┌──

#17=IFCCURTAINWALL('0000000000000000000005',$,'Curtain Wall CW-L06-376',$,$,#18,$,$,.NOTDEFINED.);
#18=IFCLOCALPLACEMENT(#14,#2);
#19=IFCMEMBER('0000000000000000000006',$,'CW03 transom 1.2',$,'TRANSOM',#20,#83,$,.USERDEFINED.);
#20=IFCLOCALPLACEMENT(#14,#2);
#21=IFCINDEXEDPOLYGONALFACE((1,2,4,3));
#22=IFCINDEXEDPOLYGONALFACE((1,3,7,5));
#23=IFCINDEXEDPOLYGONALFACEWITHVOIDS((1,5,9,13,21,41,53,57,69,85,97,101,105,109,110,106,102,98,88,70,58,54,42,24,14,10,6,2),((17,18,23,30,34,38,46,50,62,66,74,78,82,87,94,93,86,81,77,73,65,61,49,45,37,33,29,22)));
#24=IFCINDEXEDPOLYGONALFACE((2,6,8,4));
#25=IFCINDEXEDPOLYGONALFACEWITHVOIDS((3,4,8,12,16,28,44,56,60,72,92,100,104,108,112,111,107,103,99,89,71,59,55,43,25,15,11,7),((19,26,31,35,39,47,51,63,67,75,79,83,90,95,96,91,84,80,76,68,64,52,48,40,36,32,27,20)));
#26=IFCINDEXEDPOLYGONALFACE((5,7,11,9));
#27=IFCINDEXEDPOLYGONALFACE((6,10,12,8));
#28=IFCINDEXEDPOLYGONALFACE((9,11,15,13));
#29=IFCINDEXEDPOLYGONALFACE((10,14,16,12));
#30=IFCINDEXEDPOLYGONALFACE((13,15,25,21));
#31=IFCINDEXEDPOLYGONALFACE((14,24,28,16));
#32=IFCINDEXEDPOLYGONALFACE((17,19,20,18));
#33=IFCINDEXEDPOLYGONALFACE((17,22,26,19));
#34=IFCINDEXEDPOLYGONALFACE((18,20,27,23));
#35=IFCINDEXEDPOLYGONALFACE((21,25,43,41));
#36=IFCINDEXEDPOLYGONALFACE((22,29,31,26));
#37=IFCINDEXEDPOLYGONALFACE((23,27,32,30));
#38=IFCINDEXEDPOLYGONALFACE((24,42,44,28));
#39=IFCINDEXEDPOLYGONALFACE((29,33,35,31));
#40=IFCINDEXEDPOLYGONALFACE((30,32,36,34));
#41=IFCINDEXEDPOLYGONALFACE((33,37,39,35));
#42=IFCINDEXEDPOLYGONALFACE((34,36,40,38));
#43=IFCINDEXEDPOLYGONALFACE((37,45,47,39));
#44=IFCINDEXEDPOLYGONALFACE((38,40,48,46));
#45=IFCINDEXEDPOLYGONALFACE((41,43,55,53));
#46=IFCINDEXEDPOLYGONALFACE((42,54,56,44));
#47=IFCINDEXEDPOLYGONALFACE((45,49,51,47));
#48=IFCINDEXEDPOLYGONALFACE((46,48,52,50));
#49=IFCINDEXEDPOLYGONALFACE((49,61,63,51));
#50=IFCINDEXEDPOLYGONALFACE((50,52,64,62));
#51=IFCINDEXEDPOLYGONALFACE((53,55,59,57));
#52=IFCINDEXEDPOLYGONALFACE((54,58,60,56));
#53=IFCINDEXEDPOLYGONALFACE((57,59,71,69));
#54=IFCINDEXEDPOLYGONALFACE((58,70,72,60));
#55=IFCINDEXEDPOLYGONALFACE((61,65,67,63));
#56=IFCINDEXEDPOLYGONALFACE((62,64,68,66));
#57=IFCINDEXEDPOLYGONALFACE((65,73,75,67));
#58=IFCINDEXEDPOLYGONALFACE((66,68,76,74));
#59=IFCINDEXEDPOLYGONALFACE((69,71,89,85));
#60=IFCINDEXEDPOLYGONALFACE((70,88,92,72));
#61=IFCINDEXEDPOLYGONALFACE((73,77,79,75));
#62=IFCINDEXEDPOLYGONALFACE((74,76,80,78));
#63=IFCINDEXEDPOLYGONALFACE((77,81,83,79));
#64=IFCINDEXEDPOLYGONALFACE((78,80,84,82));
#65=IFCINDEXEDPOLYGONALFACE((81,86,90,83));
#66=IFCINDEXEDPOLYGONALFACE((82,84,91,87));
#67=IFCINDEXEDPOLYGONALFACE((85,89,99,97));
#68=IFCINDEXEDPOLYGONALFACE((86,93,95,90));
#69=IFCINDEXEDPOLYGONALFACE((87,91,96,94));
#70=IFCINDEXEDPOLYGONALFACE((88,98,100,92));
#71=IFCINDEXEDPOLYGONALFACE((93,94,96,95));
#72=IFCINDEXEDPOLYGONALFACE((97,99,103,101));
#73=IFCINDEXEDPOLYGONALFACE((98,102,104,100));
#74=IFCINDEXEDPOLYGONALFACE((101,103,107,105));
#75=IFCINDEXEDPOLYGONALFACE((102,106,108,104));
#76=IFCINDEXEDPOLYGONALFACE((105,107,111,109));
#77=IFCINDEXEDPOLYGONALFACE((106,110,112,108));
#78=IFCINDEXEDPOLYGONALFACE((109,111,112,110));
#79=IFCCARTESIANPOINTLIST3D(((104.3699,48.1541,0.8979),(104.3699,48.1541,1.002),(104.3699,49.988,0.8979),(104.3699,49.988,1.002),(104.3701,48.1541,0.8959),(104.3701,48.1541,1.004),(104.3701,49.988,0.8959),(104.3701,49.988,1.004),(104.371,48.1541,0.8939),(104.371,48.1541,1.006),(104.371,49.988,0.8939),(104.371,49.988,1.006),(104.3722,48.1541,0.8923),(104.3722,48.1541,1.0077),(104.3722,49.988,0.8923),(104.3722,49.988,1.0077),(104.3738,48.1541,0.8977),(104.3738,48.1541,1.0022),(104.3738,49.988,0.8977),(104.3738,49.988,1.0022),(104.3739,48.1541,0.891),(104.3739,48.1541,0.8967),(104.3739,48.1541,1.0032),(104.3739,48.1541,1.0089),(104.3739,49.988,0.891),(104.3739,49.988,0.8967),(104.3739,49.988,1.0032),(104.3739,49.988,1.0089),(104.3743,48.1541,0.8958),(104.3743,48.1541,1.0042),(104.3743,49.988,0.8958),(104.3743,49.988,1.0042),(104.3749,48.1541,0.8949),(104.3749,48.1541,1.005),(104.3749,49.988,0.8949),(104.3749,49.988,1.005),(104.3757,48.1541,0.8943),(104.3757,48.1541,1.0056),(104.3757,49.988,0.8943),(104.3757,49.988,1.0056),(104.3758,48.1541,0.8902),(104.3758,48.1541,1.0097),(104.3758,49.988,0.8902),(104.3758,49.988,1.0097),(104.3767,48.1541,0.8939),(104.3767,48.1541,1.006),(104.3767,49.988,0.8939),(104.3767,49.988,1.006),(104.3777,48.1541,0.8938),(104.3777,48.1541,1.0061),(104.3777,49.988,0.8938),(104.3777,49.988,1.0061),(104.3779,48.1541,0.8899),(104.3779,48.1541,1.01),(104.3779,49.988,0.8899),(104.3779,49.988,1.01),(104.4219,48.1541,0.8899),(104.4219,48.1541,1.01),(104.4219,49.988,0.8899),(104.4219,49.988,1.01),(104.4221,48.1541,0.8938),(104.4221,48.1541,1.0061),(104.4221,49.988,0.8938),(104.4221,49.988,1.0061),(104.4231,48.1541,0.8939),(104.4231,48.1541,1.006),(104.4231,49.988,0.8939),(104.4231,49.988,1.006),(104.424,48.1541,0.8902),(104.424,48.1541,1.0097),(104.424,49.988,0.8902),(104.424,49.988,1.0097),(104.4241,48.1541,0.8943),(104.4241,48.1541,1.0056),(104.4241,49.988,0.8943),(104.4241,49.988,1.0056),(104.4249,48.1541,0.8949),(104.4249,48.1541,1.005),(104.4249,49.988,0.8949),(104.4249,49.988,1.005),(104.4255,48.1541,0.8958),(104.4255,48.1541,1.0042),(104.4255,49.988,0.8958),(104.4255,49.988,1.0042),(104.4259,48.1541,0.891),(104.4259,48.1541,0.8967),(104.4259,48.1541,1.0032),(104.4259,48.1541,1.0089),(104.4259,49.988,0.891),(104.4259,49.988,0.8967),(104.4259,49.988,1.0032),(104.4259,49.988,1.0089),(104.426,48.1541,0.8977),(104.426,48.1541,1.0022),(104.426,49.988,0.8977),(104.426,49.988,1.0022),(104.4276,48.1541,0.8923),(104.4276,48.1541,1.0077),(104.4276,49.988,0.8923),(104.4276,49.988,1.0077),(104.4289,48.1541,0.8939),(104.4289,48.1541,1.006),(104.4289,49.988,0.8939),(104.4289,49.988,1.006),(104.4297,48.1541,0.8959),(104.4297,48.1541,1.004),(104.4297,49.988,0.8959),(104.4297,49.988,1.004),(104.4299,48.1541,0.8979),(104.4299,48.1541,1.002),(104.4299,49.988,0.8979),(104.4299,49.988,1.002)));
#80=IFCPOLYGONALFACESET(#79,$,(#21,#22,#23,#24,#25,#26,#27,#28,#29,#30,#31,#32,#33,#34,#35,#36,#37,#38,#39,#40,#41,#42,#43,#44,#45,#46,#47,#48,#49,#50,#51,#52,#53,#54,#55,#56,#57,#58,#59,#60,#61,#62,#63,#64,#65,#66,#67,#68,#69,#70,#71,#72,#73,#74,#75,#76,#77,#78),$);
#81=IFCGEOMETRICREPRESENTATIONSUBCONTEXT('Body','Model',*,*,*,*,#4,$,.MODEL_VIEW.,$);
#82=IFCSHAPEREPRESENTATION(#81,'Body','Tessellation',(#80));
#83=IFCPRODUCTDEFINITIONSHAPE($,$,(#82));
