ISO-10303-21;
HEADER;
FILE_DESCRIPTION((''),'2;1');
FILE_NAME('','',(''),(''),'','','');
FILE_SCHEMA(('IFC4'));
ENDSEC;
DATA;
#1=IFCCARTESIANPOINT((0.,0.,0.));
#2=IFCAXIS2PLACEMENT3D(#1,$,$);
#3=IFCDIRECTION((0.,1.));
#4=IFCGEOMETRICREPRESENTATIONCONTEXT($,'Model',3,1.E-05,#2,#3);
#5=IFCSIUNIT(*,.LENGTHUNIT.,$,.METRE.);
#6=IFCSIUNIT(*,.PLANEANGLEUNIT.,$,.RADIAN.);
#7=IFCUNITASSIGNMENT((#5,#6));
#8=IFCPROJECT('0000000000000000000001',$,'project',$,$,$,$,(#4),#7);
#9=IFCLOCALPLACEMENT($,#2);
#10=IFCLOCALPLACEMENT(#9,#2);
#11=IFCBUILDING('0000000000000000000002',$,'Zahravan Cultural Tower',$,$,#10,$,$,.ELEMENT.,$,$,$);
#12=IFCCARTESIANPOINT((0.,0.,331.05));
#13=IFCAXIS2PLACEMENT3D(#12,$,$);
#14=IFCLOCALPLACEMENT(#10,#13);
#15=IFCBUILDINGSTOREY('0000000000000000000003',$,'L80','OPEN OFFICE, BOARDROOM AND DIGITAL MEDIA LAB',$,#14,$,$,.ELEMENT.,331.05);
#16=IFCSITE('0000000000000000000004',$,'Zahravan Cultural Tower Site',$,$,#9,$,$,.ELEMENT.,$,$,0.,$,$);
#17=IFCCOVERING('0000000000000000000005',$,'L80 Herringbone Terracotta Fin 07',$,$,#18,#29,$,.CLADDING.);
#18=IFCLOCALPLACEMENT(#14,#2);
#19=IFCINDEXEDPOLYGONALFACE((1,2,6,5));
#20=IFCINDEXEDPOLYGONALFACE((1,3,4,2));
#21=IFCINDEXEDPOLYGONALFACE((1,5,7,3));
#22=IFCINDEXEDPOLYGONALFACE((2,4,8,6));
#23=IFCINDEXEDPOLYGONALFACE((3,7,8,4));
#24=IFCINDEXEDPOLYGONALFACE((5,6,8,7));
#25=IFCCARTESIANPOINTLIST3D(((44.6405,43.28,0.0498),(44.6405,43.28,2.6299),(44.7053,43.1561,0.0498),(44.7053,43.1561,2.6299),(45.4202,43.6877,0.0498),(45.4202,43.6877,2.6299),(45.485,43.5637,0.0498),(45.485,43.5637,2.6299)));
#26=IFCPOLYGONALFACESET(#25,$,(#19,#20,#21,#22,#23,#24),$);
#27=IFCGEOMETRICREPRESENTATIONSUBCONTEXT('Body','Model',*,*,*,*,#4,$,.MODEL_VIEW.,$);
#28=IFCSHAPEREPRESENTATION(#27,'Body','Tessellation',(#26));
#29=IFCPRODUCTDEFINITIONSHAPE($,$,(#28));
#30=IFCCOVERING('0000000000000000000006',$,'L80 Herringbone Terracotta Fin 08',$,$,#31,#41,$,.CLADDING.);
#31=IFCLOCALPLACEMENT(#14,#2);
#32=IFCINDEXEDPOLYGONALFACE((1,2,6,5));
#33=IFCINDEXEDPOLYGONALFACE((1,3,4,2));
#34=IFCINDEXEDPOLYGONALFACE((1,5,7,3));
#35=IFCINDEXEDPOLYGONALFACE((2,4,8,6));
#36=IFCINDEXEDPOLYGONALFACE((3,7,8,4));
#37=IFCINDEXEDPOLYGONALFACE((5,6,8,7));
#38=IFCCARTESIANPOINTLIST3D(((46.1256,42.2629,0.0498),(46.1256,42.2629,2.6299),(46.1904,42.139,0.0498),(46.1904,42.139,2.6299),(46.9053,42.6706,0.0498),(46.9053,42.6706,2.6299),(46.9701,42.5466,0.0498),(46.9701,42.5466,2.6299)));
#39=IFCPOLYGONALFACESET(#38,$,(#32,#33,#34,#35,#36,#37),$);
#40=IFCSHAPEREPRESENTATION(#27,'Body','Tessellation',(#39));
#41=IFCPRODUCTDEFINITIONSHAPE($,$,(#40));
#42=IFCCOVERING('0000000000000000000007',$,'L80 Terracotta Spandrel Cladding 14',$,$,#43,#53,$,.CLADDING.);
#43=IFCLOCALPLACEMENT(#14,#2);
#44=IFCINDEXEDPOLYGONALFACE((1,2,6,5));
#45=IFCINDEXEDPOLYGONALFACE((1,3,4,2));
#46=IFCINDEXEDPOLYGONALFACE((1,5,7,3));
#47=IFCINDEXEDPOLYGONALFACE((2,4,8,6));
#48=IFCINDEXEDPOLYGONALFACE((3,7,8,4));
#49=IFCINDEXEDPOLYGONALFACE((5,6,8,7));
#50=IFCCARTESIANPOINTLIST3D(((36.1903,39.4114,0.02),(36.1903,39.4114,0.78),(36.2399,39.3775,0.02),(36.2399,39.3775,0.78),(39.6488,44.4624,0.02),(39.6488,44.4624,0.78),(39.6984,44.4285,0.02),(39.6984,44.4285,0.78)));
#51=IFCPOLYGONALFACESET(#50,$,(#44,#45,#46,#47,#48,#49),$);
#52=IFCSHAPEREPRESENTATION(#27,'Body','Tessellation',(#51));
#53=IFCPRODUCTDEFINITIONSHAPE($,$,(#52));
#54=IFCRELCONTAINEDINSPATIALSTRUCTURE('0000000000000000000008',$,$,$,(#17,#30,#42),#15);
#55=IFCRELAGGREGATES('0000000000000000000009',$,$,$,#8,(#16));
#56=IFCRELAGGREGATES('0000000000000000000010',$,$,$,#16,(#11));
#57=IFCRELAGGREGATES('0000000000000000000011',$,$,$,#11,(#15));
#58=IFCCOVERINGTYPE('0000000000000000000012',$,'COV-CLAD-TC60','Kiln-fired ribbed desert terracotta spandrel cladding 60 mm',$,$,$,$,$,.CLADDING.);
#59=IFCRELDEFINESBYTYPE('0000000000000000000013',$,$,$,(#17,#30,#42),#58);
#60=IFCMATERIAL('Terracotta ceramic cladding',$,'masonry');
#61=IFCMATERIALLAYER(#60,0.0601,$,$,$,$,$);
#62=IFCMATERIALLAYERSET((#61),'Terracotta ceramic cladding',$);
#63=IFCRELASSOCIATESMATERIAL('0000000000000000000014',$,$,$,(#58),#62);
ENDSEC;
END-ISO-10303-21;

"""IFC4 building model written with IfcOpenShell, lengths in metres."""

from ifc_helpers import new_model, si_unit, direction, frame, origin, origin_2d, place, context, subcontext, project, spatial, rectangle, extrude, source, transform, mapped, material, layer, layer_set, type_object, element, save


model = new_model("IFC4")

# Units and contexts
model_context = context("Model", 3, precision=1e-05, world=origin(), true_north=direction((0.0, 1.0)))
body_context = subcontext(model_context, "Body", "Model", "MODEL_VIEW")
ifc_project = project(units=[si_unit("LENGTHUNIT", "METRE"), si_unit("PLANEANGLEUNIT", "RADIAN")], contexts=[model_context])

# Site, building, storey
site_placement = place(None, origin())
site = spatial("IfcSite", under=ifc_project, at=site_placement, Name="Zahravan Cultural Tower Site", CompositionType="ELEMENT", RefElevation=0.0)
building_placement = place(site_placement, origin())
building = spatial("IfcBuilding", under=site, at=building_placement, Name="Zahravan Cultural Tower", CompositionType="ELEMENT")
storey_placement = place(building_placement, frame((0.0, 0.0, 331.05)))
storey = spatial("IfcBuildingStorey", under=building, at=storey_placement, Name="L80", Description="OPEN OFFICE, BOARDROOM AND DIGITAL MEDIA LAB", CompositionType="ELEMENT", Elevation=331.05)

# Coverings
ifc_material_1 = material(Name="Terracotta ceramic cladding", Category="masonry")
ifc_layer_1 = layer(ifc_material_1, 0.0601)
ifc_layer_set_1 = layer_set([ifc_layer_1], Name="Terracotta ceramic cladding")
covering_type = type_object("IfcCoveringType", Name="COV-CLAD-TC60", Description="Kiln-fired ribbed desert terracotta spandrel cladding 60 mm", PredefinedType="CLADDING", material=ifc_layer_set_1)
shared_shape_1 = source(origin(), body_context, "Body", "SweptSolid", [
    extrude(rectangle(XDim=0.8799, YDim=0.1399, at=origin_2d()), origin(), (0.0, 0.0, 1.0), 2.5801),
])
for number, where, z_axis, x_axis, name in (
    (1, (45.0627, 43.4219, 0.0498), (0.0, 0.0, 1.0), (0.886195, 0.463312, 0.0), "L80 Herringbone Terracotta Fin 07"),
    (2, (46.5479, 42.4048, 0.0498), (0.0, 0.0, 1.0), (0.886195, 0.463312, 0.0), "L80 Herringbone Terracotta Fin 08"),
):
    element("IfcCovering", number, at=place(storey_placement, frame(where, z_axis=z_axis, x_axis=x_axis)), inside=storey, type_object=covering_type, Name=name, PredefinedType="CLADDING", context=body_context, shape_type="MappedRepresentation", body=[
        mapped(shared_shape_1, transform((0.0, 0.0, 0.0), x_axis=(1.0, 0.0, 0.0), y_axis=(0.0, 1.0, 0.0), z_axis=(0.0, 0.0, 1.0), scale=1.0)),
    ])
shared_shape_2 = source(origin(), body_context, "Body", "SweptSolid", [
    extrude(rectangle(XDim=6.1216, YDim=0.0601, at=origin_2d()), origin(), (0.0, 0.0, 1.0), 0.76),
])
covering_1_placement = place(storey_placement, frame((37.9443, 41.9199, 0.02), z_axis=(0.0, 0.0, 1.0), x_axis=(0.564967, 0.825113, 0.0)))
element("IfcCovering", 3, at=covering_1_placement, inside=storey, type_object=covering_type, Name="L80 Terracotta Spandrel Cladding 14", PredefinedType="CLADDING", context=body_context, shape_type="MappedRepresentation", body=[
    mapped(shared_shape_2, transform((0.0, 0.0, 0.0), x_axis=(1.0, 0.0, 0.0), y_axis=(0.0, 1.0, 0.0), z_axis=(0.0, 0.0, 1.0), scale=1.0)),
])

save(model, "model.ifc")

└──

- _PROBLEM TO WORK ON_:
Please show all lines from the entries that contain the word "IFCSIUNIT".

- _SOLUTION FOR THIS EXERCISE_:
#5=IFCSIUNIT(*,.LENGTHUNIT.,$,.METRE.);
#6=IFCSIUNIT(*,.PLANEANGLEUNIT.,$,.RADIAN.);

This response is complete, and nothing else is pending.